Instructions for the task: Scan the listing below for the string "IFCRELDEFINESBYTYPE" and copy each line where it turns up.

***

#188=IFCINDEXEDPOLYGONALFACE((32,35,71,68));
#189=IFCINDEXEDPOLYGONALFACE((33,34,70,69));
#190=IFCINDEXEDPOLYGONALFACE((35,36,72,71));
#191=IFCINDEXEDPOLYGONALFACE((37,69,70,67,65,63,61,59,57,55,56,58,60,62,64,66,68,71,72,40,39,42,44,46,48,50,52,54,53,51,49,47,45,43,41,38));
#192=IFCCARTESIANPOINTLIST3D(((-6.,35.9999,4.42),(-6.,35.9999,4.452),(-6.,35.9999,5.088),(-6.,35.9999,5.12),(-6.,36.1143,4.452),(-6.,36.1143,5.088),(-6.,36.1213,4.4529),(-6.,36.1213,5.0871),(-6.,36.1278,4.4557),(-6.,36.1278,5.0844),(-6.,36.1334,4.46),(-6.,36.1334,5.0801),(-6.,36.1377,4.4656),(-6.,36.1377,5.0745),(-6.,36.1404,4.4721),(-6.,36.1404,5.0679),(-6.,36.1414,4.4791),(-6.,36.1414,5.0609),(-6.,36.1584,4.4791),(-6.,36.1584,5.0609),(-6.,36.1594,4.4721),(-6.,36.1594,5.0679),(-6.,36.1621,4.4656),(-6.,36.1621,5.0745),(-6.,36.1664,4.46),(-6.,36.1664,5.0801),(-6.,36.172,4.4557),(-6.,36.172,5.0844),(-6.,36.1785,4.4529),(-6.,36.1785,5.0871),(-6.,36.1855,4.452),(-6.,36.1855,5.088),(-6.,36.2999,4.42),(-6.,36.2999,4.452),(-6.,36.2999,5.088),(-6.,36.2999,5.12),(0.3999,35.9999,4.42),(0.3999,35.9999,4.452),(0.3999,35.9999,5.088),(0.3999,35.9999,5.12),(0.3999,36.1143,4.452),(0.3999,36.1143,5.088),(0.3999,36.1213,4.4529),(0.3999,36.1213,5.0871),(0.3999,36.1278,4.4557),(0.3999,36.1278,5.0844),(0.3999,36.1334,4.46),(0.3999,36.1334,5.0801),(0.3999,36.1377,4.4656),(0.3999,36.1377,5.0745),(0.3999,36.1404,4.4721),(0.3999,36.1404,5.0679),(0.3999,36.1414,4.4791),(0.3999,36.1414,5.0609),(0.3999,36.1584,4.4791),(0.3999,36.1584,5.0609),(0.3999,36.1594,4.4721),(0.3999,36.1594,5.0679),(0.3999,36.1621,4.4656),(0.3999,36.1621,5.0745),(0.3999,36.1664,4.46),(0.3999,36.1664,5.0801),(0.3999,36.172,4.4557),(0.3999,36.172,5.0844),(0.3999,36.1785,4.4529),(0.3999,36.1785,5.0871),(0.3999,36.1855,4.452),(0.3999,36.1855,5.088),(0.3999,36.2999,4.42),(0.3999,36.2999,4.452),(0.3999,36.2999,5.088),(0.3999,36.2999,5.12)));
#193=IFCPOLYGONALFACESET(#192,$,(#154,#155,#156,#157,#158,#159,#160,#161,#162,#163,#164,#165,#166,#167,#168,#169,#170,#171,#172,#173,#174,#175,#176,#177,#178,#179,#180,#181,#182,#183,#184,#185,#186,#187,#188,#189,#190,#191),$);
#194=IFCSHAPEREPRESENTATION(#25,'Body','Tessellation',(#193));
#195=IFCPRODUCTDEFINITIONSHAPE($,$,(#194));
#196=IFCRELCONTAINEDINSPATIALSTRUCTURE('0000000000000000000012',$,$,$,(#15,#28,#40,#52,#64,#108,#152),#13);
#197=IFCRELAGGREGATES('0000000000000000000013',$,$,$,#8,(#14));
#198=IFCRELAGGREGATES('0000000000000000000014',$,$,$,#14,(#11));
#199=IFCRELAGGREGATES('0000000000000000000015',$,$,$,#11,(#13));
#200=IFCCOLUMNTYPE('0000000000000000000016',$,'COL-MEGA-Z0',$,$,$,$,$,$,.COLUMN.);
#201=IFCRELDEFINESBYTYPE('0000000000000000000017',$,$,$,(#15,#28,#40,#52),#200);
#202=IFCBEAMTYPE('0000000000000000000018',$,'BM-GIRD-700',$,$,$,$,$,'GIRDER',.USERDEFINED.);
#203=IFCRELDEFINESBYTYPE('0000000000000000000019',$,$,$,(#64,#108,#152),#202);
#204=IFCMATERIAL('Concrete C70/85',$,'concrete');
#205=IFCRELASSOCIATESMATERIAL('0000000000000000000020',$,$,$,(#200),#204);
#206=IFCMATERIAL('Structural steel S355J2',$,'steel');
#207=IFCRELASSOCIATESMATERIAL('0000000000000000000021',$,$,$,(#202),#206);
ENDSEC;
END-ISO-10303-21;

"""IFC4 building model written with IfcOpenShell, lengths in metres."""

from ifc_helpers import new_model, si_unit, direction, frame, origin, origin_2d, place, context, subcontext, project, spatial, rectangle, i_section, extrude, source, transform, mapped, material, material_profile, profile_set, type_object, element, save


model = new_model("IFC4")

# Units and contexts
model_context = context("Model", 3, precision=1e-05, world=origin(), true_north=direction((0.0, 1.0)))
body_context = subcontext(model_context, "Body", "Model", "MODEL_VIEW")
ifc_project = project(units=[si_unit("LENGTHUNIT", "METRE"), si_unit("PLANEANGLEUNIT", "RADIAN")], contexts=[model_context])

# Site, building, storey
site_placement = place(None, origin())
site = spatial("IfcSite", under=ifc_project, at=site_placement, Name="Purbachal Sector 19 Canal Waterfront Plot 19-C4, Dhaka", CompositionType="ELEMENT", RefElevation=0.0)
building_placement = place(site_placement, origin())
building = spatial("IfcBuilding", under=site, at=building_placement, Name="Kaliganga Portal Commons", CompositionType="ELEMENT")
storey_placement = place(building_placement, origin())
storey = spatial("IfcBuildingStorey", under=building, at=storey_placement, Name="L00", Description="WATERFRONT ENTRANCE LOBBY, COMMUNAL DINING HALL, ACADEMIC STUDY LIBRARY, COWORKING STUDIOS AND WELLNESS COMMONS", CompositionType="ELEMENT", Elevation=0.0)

***

Task answer:
#201=IFCRELDEFINESBYTYPE('0000000000000000000017',$,$,$,(#15,#28,#40,#52),#200);
#203=IFCRELDEFINESBYTYPE('0000000000000000000019',$,$,$,(#64,#108,#152),#202);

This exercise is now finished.